• [Problem details]:
In the entries below, find the line with "# Shared definitions" and the line with "-0.5549), z_axis=(0.0, 1.0, 0.0), x_axis=(-1.0, 0.0, 0.0)))". Print those two and everything between them exactly, and nothing else.

• [Information provided]:
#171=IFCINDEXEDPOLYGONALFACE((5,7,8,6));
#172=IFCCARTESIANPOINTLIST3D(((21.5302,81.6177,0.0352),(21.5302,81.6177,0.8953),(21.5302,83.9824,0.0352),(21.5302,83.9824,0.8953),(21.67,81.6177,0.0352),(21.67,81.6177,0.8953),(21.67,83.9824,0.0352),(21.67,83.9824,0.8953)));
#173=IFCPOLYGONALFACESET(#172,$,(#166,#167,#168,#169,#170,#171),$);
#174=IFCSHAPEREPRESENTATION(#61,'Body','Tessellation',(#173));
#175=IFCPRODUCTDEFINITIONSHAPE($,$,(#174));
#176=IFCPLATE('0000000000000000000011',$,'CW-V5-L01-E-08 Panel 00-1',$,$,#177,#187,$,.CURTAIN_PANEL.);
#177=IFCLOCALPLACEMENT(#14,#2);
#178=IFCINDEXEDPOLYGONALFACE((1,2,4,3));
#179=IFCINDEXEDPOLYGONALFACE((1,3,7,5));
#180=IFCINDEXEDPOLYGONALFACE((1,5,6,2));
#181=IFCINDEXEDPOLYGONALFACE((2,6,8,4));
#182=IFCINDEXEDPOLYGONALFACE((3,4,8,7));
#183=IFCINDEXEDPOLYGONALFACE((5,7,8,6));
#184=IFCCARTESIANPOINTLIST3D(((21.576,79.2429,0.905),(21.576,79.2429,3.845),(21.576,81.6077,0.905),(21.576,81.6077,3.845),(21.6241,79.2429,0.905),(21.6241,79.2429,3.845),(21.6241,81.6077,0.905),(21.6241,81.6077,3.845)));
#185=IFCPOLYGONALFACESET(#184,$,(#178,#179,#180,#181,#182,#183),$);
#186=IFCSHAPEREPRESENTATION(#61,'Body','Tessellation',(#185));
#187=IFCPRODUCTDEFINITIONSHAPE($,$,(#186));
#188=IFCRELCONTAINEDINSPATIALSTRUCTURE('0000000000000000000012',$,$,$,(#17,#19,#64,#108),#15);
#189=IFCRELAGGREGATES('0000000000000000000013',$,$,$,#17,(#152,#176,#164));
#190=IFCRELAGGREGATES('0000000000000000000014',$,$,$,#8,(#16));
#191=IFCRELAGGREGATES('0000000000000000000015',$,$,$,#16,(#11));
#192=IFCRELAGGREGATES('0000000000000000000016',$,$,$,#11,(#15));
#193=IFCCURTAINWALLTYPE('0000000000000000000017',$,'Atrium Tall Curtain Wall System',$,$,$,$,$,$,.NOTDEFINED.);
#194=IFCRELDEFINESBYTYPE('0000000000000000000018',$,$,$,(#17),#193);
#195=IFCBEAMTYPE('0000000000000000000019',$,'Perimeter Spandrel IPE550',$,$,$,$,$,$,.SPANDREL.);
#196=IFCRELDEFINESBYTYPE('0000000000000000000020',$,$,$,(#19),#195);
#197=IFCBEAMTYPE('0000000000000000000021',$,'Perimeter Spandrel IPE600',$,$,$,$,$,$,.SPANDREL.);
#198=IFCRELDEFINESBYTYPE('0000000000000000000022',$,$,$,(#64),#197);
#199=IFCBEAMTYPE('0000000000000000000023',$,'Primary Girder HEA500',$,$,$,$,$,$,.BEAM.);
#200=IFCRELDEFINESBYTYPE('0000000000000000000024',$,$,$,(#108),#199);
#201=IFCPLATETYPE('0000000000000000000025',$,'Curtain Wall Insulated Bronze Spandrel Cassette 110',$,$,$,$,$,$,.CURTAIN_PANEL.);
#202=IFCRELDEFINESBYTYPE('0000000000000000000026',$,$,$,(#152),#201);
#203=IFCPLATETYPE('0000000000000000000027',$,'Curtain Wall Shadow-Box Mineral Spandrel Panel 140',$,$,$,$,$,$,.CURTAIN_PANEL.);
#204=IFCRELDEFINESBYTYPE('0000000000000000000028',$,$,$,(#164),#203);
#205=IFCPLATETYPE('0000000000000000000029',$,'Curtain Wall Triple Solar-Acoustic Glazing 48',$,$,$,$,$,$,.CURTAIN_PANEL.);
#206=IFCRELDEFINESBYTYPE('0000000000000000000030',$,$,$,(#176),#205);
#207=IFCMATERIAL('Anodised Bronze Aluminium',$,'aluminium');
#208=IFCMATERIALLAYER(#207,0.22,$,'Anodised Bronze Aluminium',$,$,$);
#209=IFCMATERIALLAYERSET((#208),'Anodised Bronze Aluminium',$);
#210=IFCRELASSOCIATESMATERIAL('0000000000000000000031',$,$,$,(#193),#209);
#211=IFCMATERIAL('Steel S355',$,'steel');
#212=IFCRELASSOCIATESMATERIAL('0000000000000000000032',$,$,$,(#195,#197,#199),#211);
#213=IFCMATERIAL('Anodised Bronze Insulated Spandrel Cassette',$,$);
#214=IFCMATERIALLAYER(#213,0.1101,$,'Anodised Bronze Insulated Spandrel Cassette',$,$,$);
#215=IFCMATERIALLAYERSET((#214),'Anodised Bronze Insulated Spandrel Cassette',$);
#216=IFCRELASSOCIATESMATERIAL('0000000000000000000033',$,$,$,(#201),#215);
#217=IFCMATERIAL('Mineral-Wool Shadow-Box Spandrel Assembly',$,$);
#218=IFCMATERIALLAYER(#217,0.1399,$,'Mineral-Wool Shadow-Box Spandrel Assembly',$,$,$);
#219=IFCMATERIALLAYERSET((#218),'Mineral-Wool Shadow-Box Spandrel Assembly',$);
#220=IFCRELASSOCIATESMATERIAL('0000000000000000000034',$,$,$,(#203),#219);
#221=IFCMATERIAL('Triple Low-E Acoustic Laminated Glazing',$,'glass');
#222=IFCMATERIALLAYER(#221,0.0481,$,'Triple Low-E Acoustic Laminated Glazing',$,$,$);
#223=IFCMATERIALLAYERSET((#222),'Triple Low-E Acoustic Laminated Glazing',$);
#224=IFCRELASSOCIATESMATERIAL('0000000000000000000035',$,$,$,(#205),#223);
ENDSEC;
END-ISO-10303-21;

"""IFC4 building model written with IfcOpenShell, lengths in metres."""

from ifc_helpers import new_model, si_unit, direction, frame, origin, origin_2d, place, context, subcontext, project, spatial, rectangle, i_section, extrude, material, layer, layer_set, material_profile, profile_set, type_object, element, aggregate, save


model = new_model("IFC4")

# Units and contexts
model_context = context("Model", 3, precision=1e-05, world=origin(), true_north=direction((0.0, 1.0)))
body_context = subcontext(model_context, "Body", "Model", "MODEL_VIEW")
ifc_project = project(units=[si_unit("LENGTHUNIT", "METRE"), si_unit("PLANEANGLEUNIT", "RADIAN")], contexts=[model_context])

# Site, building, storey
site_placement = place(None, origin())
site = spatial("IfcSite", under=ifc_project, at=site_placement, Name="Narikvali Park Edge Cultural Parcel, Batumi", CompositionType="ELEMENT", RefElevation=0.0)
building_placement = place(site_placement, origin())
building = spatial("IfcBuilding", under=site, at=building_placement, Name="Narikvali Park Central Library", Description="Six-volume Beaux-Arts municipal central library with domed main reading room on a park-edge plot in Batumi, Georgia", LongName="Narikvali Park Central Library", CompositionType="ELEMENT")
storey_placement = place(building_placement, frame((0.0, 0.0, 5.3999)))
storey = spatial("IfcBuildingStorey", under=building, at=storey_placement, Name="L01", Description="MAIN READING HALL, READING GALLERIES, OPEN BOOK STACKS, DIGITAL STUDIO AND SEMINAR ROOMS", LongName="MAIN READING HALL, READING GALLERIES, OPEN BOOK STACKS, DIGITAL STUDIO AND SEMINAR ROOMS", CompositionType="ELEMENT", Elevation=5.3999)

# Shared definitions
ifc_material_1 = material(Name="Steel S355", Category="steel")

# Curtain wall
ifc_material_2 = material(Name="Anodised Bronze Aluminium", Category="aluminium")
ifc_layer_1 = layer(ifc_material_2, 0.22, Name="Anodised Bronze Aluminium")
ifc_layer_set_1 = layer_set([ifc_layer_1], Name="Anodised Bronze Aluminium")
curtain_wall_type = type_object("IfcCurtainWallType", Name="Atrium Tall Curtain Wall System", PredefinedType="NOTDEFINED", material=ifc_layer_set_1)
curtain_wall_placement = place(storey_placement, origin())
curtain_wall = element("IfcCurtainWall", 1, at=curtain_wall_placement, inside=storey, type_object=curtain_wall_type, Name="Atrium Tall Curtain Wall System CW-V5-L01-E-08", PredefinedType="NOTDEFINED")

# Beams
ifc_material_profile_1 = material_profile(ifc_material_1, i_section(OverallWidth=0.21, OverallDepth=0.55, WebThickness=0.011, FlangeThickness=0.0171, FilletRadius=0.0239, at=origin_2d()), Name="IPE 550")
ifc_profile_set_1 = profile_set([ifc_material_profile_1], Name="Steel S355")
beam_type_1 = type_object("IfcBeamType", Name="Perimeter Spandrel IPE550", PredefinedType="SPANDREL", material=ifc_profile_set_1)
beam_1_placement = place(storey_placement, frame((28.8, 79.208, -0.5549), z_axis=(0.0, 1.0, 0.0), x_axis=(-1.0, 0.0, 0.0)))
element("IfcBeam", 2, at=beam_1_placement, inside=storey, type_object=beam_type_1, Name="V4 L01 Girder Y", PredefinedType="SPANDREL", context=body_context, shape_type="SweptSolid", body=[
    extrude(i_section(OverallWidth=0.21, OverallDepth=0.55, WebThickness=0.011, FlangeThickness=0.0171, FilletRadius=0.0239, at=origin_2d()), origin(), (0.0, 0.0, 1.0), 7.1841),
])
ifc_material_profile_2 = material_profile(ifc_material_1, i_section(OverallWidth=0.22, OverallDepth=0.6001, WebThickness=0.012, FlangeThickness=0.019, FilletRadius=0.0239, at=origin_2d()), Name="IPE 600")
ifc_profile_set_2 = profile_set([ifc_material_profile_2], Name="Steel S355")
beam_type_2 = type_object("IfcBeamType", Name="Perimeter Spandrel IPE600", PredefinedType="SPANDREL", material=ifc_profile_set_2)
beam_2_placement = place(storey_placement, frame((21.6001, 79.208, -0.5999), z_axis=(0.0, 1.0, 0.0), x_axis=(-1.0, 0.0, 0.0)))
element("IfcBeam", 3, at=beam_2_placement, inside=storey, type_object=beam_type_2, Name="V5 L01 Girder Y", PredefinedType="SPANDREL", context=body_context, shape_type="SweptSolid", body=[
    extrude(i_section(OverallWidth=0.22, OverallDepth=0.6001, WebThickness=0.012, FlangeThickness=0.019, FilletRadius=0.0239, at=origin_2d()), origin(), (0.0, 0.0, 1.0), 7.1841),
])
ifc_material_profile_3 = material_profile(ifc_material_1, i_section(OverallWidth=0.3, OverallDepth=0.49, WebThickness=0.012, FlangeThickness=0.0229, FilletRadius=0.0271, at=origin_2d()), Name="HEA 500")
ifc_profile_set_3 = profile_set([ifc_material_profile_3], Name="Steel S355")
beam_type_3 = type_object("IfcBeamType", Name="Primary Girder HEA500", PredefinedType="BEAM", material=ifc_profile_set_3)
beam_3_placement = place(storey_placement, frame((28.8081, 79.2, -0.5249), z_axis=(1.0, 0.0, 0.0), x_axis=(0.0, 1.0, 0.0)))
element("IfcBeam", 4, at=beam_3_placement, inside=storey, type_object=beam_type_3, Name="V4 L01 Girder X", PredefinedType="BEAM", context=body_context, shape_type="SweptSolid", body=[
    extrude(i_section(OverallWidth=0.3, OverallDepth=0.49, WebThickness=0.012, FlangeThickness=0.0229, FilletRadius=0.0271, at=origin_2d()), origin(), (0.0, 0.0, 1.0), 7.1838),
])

• [Solution to this exercise]:
# Shared definitions
ifc_material_1 = material(Name="Steel S355", Category="steel")

# Curtain wall
ifc_material_2 = material(Name="Anodised Bronze Aluminium", Category="aluminium")
ifc_layer_1 = layer(ifc_material_2, 0.22, Name="Anodised Bronze Aluminium")
ifc_layer_set_1 = layer_set([ifc_layer_1], Name="Anodised Bronze Aluminium")
curtain_wall_type = type_object("IfcCurtainWallType", Name="Atrium Tall Curtain Wall System", PredefinedType="NOTDEFINED", material=ifc_layer_set_1)
curtain_wall_placement = place(storey_placement, origin())
curtain_wall = element("IfcCurtainWall", 1, at=curtain_wall_placement, inside=storey, type_object=curtain_wall_type, Name="Atrium Tall Curtain Wall System CW-V5-L01-E-08", PredefinedType="NOTDEFINED")

# Beams
ifc_material_profile_1 = material_profile(ifc_material_1, i_section(OverallWidth=0.21, OverallDepth=0.55, WebThickness=0.011, FlangeThickness=0.0171, FilletRadius=0.0239, at=origin_2d()), Name="IPE 550")
ifc_profile_set_1 = profile_set([ifc_material_profile_1], Name="Steel S355")
beam_type_1 = type_object("IfcBeamType", Name="Perimeter Spandrel IPE550", PredefinedType="SPANDREL", material=ifc_profile_set_1)
beam_1_placement = place(storey_placement, frame((28.8, 79.208, -0.5549), z_axis=(0.0, 1.0, 0.0), x_axis=(-1.0, 0.0, 0.0)))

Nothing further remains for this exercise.